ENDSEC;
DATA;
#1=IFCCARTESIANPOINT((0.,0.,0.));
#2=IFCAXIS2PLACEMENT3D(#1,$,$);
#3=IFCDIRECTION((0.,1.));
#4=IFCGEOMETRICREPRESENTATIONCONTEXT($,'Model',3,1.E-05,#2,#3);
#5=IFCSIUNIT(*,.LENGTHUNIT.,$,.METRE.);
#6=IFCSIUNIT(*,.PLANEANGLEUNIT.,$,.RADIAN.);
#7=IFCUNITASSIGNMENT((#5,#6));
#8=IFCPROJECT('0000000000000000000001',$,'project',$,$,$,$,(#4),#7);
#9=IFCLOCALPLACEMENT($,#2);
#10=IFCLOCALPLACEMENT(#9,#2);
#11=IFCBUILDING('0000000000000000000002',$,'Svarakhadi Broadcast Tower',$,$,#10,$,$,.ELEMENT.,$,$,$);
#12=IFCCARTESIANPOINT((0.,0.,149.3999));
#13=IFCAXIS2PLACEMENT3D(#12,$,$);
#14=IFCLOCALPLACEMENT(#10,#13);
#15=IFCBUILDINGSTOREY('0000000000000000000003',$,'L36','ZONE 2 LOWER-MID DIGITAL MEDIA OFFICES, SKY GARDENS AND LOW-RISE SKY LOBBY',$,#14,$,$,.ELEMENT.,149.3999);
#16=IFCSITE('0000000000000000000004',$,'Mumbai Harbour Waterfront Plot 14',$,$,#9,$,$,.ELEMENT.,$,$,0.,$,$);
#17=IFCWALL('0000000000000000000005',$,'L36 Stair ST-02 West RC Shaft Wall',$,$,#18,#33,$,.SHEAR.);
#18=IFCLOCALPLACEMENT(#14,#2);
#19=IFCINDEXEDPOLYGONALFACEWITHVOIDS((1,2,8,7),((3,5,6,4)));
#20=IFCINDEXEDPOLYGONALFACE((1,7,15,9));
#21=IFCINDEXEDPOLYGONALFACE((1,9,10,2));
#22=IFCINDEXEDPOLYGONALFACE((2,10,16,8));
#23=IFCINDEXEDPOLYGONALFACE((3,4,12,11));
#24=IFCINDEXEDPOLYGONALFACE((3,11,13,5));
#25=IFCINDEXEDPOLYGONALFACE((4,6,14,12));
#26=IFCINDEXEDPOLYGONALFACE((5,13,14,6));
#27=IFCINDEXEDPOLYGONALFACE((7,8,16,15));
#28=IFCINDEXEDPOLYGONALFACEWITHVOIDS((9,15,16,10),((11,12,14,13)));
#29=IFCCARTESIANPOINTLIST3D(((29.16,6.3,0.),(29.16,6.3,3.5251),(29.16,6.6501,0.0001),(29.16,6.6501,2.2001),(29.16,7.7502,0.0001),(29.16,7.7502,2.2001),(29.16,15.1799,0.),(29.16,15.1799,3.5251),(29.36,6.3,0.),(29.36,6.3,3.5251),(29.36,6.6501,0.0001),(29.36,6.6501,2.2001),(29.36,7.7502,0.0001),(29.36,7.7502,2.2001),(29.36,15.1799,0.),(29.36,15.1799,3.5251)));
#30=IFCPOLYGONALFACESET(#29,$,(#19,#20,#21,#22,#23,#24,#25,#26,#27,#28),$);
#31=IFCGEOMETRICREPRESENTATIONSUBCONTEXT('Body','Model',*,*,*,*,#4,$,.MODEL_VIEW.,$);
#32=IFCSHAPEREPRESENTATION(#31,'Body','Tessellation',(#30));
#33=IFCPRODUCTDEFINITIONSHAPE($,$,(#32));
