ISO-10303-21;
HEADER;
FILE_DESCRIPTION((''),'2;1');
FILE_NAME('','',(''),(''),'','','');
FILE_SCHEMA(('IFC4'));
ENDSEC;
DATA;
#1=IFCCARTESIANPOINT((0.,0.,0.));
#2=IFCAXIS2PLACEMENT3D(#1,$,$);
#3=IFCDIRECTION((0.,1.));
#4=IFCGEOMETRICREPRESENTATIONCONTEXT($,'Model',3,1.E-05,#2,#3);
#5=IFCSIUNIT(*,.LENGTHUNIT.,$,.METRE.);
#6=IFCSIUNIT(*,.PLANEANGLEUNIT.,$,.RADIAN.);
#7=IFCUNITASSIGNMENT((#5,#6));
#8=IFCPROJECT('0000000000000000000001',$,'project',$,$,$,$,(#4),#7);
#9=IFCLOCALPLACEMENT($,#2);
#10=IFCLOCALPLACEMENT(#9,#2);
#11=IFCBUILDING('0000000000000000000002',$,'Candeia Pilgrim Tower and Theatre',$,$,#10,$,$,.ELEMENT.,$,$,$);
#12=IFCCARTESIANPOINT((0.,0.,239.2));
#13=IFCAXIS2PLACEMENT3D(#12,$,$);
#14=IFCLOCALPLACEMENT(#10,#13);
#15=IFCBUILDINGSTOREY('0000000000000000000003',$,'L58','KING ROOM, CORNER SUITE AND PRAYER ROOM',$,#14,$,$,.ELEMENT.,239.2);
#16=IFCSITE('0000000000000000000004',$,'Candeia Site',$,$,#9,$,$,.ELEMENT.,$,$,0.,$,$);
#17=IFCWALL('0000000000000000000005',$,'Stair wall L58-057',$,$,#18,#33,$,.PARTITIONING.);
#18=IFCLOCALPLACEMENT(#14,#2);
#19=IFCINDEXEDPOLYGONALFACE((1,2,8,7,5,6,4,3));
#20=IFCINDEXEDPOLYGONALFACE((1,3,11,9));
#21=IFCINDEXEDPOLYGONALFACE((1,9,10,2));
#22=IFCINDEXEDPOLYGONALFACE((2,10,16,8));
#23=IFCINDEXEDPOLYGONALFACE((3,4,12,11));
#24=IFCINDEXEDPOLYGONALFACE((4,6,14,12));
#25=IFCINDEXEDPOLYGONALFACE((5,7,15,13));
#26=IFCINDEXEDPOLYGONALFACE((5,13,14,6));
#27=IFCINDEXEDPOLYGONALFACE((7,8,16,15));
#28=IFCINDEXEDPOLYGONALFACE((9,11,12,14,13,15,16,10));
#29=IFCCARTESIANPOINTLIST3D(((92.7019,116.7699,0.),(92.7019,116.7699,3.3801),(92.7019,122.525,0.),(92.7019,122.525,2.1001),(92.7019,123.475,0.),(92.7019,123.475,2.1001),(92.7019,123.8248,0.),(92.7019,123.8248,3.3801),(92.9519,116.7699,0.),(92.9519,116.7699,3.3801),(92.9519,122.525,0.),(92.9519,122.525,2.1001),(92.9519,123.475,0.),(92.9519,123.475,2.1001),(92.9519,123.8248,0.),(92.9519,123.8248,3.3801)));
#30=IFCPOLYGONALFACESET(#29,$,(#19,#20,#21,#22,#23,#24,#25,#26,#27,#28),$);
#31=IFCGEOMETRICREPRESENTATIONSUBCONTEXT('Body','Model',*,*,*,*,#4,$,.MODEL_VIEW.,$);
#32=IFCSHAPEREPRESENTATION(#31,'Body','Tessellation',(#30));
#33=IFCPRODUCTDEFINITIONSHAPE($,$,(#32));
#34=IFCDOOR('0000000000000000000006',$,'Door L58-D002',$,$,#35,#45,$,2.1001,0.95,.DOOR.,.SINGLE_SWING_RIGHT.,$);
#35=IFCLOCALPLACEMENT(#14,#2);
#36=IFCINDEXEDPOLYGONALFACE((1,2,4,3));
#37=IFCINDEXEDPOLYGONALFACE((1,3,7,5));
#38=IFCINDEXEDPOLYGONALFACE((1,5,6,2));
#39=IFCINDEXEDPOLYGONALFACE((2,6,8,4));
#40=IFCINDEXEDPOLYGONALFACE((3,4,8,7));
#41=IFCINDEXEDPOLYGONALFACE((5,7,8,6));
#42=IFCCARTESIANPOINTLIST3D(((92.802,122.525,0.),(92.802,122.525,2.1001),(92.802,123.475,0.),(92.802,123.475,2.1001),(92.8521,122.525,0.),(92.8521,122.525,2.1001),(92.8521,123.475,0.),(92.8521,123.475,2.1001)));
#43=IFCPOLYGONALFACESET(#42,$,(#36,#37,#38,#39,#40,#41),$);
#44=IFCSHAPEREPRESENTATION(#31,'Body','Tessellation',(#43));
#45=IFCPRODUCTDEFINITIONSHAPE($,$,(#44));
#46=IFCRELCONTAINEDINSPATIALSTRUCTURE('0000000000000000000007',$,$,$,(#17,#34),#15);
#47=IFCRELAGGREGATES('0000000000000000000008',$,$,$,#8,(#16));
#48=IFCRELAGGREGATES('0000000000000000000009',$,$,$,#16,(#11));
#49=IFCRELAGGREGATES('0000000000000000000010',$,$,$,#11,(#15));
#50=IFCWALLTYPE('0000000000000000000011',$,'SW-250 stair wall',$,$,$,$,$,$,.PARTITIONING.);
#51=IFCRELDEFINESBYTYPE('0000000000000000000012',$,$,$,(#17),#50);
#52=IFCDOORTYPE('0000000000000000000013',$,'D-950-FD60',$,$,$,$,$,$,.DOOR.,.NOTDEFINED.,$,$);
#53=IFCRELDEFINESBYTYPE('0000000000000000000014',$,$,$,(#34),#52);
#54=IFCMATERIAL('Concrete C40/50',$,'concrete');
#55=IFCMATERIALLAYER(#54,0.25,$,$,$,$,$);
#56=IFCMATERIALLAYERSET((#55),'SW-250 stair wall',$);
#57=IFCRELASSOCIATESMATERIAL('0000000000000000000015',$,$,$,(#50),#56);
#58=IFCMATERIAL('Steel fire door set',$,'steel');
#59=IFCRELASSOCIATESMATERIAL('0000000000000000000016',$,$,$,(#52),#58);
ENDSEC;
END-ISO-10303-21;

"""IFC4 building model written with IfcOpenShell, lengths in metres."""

from ifc_helpers import new_model, si_unit, direction, frame, frame_2d, origin, place, context, subcontext, project, spatial, rectangle, extrude, material, layer, layer_set, type_object, element, fill, save


model = new_model("IFC4")

# Units and contexts
model_context = context("Model", 3, precision=1e-05, world=origin(), true_north=direction((0.0, 1.0)))
body_context = subcontext(model_context, "Body", "Model", "MODEL_VIEW")
ifc_project = project(units=[si_unit("LENGTHUNIT", "METRE"), si_unit("PLANEANGLEUNIT", "RADIAN")], contexts=[model_context])

# Site, building, storey
site_placement = place(None, origin())
site = spatial("IfcSite", under=ifc_project, at=site_placement, Name="Candeia Site", CompositionType="ELEMENT", RefElevation=0.0)
building_placement = place(site_placement, origin())
building = spatial("IfcBuilding", under=site, at=building_placement, Name="Candeia Pilgrim Tower and Theatre", CompositionType="ELEMENT")
storey_placement = place(building_placement, frame((0.0, 0.0, 239.2)))
storey = spatial("IfcBuildingStorey", under=building, at=storey_placement, Name="L58", Description="KING ROOM, CORNER SUITE AND PRAYER ROOM", CompositionType="ELEMENT", Elevation=239.2)

# Shared definitions
ifc_material_1 = material(Name="Concrete C40/50", Category="concrete")
ifc_material_2 = material(Name="Steel fire door set", Category="steel")

# Wall, opening, door
ifc_layer_1 = layer(ifc_material_1, 0.25)
ifc_layer_set_1 = layer_set([ifc_layer_1], Name="SW-250 stair wall")
wall_type_1 = type_object("IfcWallType", Name="SW-250 stair wall", PredefinedType="PARTITIONING", material=ifc_layer_set_1)
wall_1_placement = place(storey_placement, frame((92.8269, 116.77, 0.0), z_axis=(0.0, 0.0, 1.0), x_axis=(0.0, 1.0, 0.0)))
wall_1 = element("IfcWall", 1, at=wall_1_placement, inside=storey, type_object=wall_type_1, Name="Stair wall L58-057", PredefinedType="PARTITIONING", context=body_context, shape_type="SweptSolid", body=[
    extrude(rectangle(XDim=7.0549, YDim=0.25, at=frame_2d((3.5273, 0.0))), origin(), (0.0, 0.0, 1.0), 3.3801),
])
opening_1_placement = place(wall_1_placement, frame((5.7549, 0.0, 0.0)))
opening_1 = element("IfcOpeningElement", 2, at=opening_1_placement, cuts=wall_1, PredefinedType="OPENING", context=body_context, shape_type="SweptSolid", body=[
    extrude(rectangle(XDim=0.95, YDim=2.1001, at=frame_2d((0.4751, 1.05))), frame((0.0, 0.135, 0.0), z_axis=(0.0, -1.0, 0.0), x_axis=(1.0, 0.0, 0.0)), (0.0, 0.0, 1.0), 0.27),
])
door_type_1 = type_object("IfcDoorType", Name="D-950-FD60", OperationType="NOTDEFINED", PredefinedType="DOOR", material=ifc_material_2)
door_1_placement = place(opening_1_placement, origin())
door_1 = element("IfcDoor", 3, at=door_1_placement, inside=storey, type_object=door_type_1, Name="Door L58-D002", OperationType="SINGLE_SWING_RIGHT", OverallHeight=2.1001, OverallWidth=0.95, PredefinedType="DOOR", context=body_context, shape_type="SweptSolid", body=[
    extrude(rectangle(XDim=0.95, YDim=2.1001, at=frame_2d((0.4751, 1.05))), frame((0.0, 0.0249, 0.0), z_axis=(0.0, -1.0, 0.0), x_axis=(1.0, 0.0, 0.0)), (0.0, 0.0, 1.0), 0.05),
])
fill(opening_1, door_1)

save(model, "model.ifc")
-.-.-
**Directions for this task**
In exact wording, restate the lines of the data above from the first through the one holding "#12=IFCCARTESIANPOINT((0.,0.,149.3999));", and stop after that line.

**Task solution**
ENDSEC;
DATA;
#1=IFCCARTESIANPOINT((0.,0.,0.));
#2=IFCAXIS2PLACEMENT3D(#1,$,$);
#3=IFCDIRECTION((0.,1.));
#4=IFCGEOMETRICREPRESENTATIONCONTEXT($,'Model',3,1.E-05,#2,#3);
#5=IFCSIUNIT(*,.LENGTHUNIT.,$,.METRE.);
#6=IFCSIUNIT(*,.PLANEANGLEUNIT.,$,.RADIAN.);
#7=IFCUNITASSIGNMENT((#5,#6));
#8=IFCPROJECT('0000000000000000000001',$,'project',$,$,$,$,(#4),#7);
#9=IFCLOCALPLACEMENT($,#2);
#10=IFCLOCALPLACEMENT(#9,#2);
#11=IFCBUILDING('0000000000000000000002',$,'Svarakhadi Broadcast Tower',$,$,#10,$,$,.ELEMENT.,$,$,$);
#12=IFCCARTESIANPOINT((0.,0.,149.3999));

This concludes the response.